Dataset records ::

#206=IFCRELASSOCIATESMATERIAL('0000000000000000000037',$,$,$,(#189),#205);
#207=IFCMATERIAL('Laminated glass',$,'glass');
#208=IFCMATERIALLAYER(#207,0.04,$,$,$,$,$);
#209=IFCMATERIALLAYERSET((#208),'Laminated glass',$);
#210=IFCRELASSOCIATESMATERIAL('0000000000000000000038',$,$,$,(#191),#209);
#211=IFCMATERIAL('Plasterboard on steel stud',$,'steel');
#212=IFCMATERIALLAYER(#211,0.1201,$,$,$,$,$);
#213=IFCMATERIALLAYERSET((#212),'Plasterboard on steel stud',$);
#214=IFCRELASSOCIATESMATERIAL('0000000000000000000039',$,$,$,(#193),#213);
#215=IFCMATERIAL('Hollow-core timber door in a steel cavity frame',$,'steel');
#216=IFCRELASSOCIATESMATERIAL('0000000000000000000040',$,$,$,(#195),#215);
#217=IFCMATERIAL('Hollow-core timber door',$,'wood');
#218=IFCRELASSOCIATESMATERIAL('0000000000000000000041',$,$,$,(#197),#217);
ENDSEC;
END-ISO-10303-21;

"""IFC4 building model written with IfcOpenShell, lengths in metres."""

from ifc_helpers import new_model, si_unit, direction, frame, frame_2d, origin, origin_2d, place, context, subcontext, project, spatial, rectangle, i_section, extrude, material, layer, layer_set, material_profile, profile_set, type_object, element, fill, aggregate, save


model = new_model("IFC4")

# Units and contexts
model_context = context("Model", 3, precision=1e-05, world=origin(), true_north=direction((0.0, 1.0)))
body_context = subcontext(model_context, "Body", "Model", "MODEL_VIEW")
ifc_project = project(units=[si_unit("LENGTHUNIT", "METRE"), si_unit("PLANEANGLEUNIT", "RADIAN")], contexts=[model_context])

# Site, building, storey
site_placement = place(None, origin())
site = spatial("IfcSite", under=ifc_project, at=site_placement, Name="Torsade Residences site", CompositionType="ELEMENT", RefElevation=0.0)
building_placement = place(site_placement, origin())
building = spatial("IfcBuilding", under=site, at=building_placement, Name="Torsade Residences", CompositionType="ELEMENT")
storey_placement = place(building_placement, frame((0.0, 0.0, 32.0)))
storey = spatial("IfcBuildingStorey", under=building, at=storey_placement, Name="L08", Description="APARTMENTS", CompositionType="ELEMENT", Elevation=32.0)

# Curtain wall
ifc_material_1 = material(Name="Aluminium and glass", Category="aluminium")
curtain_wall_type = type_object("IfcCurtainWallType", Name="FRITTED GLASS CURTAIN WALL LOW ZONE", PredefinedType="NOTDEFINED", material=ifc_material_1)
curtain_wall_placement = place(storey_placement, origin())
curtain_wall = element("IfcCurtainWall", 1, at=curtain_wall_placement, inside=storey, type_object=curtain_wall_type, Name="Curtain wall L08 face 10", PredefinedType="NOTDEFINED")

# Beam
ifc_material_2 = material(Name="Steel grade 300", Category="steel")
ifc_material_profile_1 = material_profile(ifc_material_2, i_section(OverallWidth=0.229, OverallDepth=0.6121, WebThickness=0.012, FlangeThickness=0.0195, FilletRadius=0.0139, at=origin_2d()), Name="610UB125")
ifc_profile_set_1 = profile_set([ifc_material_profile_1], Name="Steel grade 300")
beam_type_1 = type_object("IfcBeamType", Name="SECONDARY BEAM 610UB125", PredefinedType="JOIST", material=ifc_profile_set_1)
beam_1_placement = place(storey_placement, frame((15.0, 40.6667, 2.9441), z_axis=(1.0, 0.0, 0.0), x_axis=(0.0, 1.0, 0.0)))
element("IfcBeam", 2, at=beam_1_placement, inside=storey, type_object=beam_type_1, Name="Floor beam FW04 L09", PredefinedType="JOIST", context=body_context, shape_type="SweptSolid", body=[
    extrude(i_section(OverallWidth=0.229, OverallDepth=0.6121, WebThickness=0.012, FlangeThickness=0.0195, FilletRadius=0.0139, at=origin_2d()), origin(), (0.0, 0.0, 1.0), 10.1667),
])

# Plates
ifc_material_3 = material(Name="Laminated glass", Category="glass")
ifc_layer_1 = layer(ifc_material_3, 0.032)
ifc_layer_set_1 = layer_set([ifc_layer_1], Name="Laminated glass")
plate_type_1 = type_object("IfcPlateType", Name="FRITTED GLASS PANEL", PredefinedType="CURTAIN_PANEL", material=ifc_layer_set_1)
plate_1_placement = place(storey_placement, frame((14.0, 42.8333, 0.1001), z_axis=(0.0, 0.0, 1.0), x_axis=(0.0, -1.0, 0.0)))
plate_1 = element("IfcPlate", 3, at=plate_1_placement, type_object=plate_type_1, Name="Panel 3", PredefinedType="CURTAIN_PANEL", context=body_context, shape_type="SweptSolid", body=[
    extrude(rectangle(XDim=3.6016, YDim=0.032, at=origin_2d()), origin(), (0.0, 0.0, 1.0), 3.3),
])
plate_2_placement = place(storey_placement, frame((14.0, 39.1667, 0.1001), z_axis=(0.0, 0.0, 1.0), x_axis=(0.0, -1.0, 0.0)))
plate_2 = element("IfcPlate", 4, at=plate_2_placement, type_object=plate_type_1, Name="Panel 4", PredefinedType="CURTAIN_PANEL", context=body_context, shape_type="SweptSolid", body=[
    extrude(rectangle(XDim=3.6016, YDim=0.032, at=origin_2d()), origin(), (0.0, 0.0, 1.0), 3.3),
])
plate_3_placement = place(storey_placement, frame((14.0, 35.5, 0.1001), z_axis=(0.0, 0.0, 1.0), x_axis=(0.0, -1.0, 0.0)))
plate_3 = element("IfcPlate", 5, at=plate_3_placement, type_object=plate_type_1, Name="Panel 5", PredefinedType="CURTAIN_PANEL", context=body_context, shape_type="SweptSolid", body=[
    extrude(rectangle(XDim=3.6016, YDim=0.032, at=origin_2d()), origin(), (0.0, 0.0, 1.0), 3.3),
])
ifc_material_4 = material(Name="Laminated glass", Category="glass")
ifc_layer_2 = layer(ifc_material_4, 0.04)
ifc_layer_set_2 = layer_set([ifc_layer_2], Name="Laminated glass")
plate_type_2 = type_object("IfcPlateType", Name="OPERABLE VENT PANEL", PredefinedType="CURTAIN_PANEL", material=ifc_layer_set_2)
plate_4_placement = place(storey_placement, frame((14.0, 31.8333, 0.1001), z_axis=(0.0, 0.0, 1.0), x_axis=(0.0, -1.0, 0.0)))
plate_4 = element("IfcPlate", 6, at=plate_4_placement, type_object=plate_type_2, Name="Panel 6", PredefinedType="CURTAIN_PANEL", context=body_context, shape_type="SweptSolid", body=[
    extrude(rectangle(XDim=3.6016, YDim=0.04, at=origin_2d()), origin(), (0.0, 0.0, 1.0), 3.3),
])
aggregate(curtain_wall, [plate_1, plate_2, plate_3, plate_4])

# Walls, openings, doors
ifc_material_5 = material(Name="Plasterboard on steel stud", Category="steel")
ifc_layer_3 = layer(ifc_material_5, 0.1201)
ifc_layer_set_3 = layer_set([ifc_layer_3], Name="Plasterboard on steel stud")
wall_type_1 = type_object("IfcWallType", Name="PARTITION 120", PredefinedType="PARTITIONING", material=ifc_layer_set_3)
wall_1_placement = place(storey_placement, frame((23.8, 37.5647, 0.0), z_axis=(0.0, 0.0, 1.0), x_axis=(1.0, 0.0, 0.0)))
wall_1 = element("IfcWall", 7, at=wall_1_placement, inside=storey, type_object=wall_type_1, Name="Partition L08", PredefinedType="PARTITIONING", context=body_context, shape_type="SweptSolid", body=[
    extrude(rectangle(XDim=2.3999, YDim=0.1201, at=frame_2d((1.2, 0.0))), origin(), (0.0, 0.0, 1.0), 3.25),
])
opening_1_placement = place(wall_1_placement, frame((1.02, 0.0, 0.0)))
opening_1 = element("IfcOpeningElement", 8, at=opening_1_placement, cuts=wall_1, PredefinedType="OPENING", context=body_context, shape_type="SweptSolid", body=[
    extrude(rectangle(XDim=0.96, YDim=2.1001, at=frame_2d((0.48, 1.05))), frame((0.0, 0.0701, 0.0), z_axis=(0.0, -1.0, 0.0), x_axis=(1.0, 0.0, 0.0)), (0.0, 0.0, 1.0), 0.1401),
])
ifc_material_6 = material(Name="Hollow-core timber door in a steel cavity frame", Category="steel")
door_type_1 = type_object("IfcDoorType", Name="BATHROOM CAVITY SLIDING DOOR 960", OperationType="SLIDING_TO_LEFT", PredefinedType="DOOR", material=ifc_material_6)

Instructions for the task :: Could you write out, exactly as they stand, only the lines above that begin at the line with "aggregate(curtain_wall, [plate_1, plate_2, plate_3, plate_4])" and stop after the line with "frame((1.02, 0.0, 0.0)))"?

Response area ::
aggregate(curtain_wall, [plate_1, plate_2, plate_3, plate_4])

# Walls, openings, doors
ifc_material_5 = material(Name="Plasterboard on steel stud", Category="steel")
ifc_layer_3 = layer(ifc_material_5, 0.1201)
ifc_layer_set_3 = layer_set([ifc_layer_3], Name="Plasterboard on steel stud")
wall_type_1 = type_object("IfcWallType", Name="PARTITION 120", PredefinedType="PARTITIONING", material=ifc_layer_set_3)
wall_1_placement = place(storey_placement, frame((23.8, 37.5647, 0.0), z_axis=(0.0, 0.0, 1.0), x_axis=(1.0, 0.0, 0.0)))
wall_1 = element("IfcWall", 7, at=wall_1_placement, inside=storey, type_object=wall_type_1, Name="Partition L08", PredefinedType="PARTITIONING", context=body_context, shape_type="SweptSolid", body=[
    extrude(rectangle(XDim=2.3999, YDim=0.1201, at=frame_2d((1.2, 0.0))), origin(), (0.0, 0.0, 1.0), 3.25),
])
opening_1_placement = place(wall_1_placement, frame((1.02, 0.0, 0.0)))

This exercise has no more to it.